Check each line below for "direction" and say how many have it, with no other words.

INFORMATION SUPPLIED:

# # #

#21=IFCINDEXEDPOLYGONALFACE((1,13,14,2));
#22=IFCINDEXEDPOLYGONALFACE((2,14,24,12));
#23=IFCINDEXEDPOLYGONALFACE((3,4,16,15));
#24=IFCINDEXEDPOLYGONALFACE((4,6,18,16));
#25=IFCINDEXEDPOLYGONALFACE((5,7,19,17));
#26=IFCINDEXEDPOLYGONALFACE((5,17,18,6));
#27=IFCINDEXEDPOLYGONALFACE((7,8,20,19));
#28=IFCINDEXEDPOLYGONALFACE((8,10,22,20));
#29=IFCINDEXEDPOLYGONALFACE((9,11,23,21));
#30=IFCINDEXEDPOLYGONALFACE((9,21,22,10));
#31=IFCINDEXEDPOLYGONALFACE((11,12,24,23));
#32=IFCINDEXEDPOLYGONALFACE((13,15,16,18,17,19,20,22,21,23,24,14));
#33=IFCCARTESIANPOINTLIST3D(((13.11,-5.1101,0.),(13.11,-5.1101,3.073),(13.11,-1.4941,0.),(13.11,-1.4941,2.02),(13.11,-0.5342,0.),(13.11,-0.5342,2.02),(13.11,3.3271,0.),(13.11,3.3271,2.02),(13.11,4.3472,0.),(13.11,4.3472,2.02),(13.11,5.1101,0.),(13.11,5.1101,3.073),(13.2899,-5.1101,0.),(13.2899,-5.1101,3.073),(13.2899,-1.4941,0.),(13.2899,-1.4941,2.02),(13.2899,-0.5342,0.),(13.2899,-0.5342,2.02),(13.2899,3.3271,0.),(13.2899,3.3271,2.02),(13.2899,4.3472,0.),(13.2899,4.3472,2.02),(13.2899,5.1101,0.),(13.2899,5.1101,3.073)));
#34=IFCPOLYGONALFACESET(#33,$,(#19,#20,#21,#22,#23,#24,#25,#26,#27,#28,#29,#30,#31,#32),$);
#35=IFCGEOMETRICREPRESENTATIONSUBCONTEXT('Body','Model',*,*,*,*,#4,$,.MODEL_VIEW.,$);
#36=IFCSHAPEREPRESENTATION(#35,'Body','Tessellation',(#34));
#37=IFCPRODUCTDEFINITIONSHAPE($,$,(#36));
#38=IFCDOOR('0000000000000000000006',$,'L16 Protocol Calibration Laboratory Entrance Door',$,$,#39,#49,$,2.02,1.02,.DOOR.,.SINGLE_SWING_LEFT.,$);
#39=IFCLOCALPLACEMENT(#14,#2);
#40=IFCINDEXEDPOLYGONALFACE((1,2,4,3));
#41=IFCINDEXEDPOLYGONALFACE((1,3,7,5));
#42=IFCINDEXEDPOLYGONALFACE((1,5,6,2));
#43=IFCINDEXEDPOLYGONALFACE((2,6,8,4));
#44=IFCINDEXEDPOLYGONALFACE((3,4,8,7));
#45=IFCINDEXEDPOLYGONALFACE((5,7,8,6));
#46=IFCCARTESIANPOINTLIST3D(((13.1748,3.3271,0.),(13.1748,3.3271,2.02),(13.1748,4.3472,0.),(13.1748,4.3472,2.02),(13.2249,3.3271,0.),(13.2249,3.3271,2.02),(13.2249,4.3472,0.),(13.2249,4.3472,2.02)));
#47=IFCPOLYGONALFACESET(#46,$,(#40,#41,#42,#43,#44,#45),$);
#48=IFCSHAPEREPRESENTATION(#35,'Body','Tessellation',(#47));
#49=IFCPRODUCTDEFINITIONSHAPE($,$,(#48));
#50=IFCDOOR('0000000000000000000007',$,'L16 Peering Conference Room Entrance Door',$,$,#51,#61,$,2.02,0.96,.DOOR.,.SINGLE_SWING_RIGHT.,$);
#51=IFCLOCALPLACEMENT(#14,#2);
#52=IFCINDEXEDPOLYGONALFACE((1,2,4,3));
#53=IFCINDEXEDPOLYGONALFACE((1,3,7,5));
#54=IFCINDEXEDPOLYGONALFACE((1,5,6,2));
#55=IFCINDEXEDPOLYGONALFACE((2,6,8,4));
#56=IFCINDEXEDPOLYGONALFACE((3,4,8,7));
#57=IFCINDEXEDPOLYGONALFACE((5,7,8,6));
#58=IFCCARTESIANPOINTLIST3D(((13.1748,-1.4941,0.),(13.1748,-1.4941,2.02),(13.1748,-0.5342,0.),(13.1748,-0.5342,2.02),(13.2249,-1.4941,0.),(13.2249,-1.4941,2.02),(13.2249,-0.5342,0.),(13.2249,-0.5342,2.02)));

# # #

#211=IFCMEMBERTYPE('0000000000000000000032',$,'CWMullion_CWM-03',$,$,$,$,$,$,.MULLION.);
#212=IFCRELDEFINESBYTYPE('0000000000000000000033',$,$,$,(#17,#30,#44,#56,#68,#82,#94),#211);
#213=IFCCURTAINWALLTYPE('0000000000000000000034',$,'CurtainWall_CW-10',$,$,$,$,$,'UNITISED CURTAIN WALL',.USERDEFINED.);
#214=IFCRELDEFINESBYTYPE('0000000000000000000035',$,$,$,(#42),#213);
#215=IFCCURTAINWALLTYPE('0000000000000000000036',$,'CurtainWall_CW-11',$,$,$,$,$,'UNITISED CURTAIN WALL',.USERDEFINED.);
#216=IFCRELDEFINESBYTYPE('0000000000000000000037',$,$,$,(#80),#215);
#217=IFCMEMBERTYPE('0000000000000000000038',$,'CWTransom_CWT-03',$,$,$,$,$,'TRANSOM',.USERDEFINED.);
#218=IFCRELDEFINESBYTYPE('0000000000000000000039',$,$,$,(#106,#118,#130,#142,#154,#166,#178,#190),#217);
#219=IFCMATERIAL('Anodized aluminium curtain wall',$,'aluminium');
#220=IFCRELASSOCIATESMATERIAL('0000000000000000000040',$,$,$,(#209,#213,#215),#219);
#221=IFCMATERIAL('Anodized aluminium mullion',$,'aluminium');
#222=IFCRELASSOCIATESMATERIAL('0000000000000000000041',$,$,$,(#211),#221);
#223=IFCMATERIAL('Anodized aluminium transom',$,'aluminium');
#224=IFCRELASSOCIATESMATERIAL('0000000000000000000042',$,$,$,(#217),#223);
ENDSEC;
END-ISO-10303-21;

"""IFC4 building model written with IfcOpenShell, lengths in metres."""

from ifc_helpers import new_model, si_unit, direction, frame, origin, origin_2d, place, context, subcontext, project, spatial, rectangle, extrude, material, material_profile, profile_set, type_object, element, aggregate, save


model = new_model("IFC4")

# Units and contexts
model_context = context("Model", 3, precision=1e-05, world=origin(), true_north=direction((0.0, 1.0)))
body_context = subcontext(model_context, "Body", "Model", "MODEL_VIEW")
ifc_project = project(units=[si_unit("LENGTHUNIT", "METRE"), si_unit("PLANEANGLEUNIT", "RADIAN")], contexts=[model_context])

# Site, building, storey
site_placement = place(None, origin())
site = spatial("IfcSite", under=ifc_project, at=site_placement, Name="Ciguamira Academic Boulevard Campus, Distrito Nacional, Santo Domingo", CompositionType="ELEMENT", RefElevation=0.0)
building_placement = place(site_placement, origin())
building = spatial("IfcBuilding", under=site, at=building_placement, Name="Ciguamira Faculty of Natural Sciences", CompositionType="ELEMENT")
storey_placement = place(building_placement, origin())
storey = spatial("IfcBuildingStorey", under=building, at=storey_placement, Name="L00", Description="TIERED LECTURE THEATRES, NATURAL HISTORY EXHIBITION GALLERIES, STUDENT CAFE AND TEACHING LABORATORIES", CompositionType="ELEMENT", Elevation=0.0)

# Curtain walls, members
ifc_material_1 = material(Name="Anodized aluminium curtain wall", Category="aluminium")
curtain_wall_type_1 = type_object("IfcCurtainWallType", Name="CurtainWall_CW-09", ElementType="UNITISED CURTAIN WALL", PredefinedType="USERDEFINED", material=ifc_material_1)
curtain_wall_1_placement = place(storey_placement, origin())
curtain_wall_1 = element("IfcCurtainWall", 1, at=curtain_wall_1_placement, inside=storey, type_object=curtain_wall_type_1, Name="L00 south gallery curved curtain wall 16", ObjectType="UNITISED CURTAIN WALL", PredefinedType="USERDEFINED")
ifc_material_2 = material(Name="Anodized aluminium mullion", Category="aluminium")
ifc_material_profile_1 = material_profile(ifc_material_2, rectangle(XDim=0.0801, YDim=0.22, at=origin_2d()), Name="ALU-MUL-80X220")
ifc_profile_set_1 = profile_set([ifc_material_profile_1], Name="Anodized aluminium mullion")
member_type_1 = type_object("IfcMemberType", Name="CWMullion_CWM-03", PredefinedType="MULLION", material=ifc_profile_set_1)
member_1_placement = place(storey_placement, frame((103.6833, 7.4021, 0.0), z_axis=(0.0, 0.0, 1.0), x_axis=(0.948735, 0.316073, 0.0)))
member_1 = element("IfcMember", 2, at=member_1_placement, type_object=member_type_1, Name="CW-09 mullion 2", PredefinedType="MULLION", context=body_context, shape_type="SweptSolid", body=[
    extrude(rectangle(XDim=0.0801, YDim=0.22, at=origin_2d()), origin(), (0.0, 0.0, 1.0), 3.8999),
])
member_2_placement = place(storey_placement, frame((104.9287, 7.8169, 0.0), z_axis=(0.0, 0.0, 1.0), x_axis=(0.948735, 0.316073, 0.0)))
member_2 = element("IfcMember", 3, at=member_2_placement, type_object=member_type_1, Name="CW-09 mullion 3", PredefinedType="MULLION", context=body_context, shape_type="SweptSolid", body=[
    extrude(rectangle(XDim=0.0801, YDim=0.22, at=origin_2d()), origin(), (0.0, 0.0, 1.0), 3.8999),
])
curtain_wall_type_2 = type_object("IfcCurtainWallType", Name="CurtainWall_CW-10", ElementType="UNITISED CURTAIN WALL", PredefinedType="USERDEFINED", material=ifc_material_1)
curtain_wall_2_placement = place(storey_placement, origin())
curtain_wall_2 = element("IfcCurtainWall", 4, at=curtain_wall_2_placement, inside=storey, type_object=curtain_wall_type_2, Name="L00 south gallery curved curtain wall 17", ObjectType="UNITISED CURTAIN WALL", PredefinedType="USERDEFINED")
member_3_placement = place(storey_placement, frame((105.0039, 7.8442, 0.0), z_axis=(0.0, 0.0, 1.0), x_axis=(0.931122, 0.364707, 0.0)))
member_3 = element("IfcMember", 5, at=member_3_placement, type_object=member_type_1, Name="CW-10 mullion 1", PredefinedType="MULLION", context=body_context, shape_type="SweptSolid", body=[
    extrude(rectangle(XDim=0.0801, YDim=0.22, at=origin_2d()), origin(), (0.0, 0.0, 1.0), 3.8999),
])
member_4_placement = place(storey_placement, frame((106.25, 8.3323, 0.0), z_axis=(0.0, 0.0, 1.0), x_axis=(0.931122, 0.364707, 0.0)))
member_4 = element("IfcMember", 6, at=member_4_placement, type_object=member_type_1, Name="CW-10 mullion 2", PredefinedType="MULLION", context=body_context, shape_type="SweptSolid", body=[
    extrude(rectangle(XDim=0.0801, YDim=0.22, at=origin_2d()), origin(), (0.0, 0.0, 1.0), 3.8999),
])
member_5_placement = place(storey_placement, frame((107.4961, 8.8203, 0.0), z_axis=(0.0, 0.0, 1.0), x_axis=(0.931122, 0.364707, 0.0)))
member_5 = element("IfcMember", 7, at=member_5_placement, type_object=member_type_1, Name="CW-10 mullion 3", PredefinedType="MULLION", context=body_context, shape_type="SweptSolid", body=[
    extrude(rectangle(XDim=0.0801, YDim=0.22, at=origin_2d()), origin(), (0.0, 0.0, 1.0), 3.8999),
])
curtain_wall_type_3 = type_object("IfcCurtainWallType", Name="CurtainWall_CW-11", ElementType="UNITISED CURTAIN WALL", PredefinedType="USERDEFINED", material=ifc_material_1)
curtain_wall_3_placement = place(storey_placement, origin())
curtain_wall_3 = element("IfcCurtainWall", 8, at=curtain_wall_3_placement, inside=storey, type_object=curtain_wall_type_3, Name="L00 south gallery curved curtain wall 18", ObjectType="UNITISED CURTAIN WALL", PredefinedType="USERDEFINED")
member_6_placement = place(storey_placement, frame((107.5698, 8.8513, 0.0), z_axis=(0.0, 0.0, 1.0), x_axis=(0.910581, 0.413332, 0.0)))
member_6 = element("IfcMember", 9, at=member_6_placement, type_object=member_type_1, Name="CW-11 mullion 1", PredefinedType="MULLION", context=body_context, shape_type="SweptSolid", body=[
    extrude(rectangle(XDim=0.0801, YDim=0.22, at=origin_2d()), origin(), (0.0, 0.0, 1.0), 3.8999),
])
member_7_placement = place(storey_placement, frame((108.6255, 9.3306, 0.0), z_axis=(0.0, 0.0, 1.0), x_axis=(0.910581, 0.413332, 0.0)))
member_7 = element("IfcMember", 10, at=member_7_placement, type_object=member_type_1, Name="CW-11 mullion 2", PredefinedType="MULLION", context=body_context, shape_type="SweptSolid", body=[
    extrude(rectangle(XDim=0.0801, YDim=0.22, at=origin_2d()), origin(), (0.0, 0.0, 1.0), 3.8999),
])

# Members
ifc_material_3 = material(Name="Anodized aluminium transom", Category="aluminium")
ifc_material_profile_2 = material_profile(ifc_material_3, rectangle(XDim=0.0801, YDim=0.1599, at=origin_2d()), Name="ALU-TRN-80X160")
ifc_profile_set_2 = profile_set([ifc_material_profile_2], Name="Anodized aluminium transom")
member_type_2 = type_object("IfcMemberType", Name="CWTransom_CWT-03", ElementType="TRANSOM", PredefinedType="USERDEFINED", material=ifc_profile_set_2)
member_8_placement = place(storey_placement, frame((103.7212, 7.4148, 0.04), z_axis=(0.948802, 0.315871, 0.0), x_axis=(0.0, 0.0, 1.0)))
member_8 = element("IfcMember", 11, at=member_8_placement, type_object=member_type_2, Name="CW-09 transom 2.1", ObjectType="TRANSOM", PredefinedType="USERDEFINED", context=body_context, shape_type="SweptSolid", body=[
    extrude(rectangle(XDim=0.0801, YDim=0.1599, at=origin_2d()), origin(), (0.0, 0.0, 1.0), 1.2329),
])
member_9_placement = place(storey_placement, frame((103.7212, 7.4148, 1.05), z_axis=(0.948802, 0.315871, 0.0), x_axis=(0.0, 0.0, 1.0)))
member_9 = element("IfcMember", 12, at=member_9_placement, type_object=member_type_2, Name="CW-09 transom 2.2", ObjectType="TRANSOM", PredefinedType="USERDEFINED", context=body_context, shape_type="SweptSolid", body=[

# # #

RESPONSE BOX:
2